TASK BRIEF: Nothing outside the range below should be printed. Output exactly the lines from the line with "#28=IFCINDEXEDPOLYGONALFACE((13,14,20,19));" to the line with "#32=IFCINDEXEDPOLYGONALFACE((21,23,24,22));", both included.

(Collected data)
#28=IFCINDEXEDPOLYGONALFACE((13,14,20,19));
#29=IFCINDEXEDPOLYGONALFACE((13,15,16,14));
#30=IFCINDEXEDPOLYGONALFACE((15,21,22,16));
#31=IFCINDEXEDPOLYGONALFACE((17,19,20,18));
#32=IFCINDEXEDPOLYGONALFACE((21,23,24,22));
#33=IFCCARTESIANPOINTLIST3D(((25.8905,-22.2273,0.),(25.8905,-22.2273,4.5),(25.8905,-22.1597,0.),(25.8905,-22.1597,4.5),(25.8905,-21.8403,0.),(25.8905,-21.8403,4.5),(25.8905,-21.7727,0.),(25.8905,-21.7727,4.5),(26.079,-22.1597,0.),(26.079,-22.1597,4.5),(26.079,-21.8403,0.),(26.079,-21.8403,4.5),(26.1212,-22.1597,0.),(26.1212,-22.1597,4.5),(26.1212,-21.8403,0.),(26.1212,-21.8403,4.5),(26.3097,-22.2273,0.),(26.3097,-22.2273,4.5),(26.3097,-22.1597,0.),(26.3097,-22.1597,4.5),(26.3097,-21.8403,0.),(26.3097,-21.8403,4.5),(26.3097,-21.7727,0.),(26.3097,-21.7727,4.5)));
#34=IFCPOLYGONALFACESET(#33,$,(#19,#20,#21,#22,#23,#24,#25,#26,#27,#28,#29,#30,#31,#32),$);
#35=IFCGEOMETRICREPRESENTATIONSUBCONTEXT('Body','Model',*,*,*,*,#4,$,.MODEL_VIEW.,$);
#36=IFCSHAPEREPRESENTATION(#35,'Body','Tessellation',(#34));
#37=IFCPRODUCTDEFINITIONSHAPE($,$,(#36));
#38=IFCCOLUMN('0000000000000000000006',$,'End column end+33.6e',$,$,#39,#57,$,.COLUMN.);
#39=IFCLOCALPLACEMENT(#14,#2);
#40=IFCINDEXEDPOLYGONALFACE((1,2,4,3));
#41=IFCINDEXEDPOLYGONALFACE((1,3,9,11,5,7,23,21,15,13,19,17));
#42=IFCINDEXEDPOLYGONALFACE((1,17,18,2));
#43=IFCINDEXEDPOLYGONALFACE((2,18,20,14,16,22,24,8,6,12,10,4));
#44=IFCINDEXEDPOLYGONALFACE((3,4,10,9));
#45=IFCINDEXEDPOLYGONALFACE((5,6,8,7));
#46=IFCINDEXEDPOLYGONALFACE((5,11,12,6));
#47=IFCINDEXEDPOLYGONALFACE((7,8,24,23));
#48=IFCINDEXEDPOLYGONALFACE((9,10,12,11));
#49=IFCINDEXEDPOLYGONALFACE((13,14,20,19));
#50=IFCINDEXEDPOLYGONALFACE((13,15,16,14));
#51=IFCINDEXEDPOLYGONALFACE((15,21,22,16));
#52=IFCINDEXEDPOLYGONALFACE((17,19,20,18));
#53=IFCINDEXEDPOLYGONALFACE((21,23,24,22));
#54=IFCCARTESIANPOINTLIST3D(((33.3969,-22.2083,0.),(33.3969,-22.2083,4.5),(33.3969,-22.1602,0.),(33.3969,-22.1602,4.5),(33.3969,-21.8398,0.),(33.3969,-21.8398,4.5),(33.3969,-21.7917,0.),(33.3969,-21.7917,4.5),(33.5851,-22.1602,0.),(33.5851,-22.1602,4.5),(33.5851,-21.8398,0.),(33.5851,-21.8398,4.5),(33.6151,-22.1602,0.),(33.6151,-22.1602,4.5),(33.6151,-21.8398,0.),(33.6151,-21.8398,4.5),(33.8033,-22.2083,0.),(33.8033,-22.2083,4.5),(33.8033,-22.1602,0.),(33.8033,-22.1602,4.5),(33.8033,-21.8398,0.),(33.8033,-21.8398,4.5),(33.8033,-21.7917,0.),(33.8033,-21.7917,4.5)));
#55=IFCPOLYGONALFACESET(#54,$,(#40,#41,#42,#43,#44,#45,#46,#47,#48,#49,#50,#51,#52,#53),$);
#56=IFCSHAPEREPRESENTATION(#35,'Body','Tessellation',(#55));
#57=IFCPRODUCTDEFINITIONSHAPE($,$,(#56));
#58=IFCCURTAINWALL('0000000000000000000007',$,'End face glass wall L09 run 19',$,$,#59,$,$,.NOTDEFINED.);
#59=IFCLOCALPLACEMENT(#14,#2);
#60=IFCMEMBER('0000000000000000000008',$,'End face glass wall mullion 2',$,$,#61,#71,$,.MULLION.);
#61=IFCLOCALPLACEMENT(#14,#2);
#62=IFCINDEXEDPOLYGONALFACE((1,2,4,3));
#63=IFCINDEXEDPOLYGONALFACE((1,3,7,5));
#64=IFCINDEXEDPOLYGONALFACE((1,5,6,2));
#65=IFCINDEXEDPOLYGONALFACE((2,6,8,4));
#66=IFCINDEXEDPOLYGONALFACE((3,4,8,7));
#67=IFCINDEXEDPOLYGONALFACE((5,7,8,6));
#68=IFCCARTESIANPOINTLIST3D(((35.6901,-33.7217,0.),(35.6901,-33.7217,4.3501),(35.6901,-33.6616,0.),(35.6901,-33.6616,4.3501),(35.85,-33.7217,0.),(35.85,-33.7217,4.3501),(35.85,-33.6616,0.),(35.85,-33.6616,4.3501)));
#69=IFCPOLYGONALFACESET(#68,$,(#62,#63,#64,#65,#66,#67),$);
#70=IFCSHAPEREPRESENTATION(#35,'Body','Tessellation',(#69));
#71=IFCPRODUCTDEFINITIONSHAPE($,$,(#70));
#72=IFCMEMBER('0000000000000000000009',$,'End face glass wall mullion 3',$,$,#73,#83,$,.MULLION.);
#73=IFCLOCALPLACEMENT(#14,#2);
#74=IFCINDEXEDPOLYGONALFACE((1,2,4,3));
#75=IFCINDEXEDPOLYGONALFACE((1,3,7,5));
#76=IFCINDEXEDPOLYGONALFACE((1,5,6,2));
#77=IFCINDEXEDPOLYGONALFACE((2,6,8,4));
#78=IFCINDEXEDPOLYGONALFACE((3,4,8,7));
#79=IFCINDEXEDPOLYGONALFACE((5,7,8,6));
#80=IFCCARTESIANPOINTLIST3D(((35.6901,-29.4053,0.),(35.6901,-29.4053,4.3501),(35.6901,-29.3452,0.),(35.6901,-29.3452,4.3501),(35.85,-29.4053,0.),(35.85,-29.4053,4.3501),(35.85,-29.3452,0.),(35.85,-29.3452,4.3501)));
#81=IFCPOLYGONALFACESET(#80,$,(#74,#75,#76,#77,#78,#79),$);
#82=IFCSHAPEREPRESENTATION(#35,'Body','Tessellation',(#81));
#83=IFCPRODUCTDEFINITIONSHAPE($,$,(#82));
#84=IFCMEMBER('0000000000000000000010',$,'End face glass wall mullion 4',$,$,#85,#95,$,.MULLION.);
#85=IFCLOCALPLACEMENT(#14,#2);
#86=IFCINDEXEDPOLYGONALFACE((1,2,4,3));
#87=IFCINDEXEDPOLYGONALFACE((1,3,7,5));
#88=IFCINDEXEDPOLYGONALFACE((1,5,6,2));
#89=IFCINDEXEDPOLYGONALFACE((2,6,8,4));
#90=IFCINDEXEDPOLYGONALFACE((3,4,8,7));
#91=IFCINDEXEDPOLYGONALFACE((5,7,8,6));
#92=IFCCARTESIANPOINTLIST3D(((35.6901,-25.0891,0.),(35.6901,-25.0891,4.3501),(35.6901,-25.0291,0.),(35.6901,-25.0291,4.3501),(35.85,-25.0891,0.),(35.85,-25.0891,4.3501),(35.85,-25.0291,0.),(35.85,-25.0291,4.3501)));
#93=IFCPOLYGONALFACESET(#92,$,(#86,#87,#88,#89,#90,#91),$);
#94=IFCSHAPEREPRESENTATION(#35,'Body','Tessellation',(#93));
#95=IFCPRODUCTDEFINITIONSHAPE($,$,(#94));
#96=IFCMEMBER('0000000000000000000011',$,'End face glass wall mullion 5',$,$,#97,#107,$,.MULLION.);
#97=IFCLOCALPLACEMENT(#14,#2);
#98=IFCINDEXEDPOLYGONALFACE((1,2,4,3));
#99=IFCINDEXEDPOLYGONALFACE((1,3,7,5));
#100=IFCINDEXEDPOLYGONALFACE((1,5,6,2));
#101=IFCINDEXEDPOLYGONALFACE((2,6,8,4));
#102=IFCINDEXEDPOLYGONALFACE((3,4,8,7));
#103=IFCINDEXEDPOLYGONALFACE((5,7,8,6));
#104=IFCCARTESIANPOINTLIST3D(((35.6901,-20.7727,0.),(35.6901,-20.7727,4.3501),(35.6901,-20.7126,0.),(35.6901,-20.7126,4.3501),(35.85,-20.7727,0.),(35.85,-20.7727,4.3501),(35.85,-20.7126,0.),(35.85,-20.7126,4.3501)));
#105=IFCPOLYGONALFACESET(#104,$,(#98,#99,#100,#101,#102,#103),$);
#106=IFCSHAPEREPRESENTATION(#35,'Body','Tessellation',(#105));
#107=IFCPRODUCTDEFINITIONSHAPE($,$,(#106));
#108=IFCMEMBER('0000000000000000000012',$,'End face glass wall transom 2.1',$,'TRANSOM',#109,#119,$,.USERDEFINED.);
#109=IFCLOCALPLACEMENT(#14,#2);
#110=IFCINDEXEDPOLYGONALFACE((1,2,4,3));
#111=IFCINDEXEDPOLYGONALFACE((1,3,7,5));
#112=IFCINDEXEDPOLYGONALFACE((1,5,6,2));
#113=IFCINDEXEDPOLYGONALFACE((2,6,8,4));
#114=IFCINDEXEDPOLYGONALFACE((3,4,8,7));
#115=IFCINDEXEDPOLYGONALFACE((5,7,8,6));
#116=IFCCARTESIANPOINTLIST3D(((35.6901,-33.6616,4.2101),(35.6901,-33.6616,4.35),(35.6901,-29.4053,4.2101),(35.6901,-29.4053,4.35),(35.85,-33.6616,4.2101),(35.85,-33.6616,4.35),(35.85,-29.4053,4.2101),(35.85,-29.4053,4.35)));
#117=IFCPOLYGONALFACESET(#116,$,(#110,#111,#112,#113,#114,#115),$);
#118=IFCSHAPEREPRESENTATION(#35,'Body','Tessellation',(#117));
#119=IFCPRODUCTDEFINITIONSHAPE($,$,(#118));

* * *

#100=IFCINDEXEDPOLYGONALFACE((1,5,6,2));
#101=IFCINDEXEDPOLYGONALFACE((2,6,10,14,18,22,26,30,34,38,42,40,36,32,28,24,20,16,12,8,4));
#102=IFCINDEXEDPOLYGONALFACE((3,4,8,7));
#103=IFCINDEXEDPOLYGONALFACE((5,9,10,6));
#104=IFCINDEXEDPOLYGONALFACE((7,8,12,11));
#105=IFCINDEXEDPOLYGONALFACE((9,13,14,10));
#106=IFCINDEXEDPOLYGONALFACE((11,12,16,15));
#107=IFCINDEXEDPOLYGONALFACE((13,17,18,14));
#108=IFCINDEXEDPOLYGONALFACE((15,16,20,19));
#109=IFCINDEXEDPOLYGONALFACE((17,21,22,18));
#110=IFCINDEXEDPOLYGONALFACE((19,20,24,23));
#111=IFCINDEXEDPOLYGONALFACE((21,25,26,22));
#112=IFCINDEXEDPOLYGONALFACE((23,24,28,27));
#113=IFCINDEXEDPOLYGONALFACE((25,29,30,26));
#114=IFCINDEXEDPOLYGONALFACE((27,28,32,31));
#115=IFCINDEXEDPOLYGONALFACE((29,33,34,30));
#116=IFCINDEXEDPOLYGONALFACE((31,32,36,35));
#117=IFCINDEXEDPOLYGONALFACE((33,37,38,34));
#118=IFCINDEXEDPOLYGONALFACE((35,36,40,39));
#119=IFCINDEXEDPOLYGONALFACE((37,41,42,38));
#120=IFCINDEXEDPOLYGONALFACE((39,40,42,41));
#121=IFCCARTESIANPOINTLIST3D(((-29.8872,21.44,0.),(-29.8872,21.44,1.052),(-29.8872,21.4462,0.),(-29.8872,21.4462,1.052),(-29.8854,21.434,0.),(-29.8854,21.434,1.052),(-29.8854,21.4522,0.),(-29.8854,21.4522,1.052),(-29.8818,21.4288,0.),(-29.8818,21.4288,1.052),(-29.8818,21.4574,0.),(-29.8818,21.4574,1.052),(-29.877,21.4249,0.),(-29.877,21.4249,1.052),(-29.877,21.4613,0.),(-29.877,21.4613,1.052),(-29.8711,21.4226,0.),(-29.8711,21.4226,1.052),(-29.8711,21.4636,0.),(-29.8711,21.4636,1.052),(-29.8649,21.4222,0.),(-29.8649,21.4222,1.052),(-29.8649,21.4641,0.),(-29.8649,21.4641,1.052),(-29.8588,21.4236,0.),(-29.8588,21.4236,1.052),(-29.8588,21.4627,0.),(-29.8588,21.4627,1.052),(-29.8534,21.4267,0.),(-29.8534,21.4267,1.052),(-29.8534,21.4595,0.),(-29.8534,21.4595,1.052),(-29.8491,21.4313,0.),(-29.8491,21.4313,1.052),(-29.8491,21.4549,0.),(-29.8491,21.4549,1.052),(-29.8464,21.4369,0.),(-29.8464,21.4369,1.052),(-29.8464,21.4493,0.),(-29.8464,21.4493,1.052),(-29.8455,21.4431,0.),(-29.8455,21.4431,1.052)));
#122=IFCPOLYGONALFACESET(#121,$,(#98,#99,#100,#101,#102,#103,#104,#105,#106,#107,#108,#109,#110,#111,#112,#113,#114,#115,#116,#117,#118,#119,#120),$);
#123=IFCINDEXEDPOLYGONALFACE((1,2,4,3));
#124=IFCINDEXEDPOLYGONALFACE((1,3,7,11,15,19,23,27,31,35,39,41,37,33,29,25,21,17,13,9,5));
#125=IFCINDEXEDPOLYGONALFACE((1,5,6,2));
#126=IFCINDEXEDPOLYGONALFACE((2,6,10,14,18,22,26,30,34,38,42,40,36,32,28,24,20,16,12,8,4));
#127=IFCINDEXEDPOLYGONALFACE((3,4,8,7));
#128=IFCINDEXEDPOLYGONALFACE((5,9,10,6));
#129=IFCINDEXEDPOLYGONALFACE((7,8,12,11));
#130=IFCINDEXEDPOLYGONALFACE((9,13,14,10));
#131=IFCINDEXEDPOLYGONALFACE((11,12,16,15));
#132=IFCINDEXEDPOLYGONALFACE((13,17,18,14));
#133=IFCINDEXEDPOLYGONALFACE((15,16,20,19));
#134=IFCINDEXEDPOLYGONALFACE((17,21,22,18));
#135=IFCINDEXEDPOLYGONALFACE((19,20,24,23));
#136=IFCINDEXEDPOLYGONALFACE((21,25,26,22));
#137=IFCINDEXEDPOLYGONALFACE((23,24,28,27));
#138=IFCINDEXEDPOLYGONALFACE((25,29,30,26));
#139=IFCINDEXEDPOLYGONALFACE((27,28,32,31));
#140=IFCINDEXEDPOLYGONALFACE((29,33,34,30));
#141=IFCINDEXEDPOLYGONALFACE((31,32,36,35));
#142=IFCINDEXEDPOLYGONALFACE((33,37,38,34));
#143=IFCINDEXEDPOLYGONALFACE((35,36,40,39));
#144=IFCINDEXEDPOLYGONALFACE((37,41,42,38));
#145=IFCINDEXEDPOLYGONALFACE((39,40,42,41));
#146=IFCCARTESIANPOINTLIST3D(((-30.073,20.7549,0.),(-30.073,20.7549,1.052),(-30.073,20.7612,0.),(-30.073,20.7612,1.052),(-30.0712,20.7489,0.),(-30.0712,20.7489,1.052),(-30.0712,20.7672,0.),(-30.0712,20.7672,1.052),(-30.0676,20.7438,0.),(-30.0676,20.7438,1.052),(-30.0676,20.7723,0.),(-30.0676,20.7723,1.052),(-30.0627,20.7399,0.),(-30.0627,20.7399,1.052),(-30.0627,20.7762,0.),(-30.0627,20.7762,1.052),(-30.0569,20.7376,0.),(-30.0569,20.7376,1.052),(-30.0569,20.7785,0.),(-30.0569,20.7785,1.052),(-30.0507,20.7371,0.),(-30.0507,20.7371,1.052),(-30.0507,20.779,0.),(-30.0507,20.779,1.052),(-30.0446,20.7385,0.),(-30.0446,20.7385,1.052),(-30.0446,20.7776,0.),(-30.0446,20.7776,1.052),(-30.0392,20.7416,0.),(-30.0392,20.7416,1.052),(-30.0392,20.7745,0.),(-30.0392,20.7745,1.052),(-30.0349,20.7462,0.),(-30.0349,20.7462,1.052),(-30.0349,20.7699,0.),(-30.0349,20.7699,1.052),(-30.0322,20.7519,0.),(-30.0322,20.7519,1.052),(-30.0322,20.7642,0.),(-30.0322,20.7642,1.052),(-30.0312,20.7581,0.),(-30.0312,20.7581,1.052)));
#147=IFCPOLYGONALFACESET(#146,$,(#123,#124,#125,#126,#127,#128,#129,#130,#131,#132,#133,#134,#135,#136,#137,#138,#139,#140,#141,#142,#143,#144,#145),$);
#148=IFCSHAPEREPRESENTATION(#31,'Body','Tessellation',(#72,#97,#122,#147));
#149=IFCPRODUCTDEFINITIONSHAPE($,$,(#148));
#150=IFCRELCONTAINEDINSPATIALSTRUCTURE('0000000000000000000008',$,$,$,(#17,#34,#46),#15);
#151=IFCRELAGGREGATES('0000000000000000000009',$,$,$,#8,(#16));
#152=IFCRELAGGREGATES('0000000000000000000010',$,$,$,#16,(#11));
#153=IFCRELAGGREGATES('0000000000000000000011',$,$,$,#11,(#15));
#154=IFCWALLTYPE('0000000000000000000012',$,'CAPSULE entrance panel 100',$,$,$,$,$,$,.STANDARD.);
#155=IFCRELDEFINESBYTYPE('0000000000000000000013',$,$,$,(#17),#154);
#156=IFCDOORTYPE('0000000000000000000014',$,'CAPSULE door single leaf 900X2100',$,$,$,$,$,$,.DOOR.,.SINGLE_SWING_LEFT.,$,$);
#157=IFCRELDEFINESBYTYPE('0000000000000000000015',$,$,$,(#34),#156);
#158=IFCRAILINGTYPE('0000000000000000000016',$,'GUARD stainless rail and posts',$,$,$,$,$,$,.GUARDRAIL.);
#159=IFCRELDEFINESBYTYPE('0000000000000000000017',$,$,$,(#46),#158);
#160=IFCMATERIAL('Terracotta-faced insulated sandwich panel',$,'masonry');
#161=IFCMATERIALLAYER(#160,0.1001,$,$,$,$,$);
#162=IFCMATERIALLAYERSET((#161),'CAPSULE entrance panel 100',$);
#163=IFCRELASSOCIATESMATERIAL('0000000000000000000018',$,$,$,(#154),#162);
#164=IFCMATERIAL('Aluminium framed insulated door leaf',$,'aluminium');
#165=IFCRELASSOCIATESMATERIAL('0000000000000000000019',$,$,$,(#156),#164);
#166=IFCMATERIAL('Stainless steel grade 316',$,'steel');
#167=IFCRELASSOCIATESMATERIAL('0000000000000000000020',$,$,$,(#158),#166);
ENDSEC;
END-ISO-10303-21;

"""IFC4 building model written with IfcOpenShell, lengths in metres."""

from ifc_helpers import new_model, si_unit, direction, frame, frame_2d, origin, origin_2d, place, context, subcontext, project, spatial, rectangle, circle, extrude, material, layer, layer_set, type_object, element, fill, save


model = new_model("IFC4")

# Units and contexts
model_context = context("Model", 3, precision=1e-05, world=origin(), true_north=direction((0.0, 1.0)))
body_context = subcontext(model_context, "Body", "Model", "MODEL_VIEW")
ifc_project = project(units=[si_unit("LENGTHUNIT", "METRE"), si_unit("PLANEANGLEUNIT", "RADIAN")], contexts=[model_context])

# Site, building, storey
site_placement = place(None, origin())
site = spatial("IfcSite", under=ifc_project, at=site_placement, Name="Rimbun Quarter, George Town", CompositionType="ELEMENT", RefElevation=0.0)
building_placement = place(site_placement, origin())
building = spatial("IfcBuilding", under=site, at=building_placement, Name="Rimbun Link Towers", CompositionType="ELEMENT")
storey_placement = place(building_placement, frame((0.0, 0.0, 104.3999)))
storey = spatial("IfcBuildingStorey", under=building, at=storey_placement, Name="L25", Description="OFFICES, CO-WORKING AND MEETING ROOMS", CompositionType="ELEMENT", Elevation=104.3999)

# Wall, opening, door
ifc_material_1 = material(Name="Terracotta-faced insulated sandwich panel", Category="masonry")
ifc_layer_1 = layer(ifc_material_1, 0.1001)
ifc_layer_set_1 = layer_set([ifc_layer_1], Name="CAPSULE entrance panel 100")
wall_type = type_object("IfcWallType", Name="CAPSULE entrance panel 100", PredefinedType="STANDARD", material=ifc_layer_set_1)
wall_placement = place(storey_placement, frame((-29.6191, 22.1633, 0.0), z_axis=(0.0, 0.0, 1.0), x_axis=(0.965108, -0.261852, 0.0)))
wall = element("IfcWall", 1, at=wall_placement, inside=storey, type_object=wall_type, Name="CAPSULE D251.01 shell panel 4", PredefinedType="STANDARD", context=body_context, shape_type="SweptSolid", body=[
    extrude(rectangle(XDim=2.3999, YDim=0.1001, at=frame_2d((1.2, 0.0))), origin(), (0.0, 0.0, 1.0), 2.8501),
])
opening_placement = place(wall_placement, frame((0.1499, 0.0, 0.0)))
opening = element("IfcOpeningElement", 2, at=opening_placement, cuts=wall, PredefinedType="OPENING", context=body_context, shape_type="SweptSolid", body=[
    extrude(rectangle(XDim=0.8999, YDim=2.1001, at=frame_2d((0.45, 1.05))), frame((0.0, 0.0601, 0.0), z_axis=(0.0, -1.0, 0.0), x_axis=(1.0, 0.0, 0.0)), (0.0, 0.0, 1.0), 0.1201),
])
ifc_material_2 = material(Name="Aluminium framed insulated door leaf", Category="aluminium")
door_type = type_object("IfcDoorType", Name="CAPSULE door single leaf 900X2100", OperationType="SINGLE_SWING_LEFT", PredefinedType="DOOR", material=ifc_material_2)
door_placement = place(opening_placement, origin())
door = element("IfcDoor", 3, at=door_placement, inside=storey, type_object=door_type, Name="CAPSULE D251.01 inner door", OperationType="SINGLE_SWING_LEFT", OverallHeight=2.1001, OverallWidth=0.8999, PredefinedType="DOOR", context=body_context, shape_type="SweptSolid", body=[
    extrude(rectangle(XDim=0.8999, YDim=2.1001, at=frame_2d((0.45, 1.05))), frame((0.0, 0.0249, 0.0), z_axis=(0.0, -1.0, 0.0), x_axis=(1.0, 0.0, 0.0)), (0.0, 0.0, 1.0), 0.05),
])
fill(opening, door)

ANSWER SPACE:
#28=IFCINDEXEDPOLYGONALFACE((13,14,20,19));
#29=IFCINDEXEDPOLYGONALFACE((13,15,16,14));
#30=IFCINDEXEDPOLYGONALFACE((15,21,22,16));
#31=IFCINDEXEDPOLYGONALFACE((17,19,20,18));
#32=IFCINDEXEDPOLYGONALFACE((21,23,24,22));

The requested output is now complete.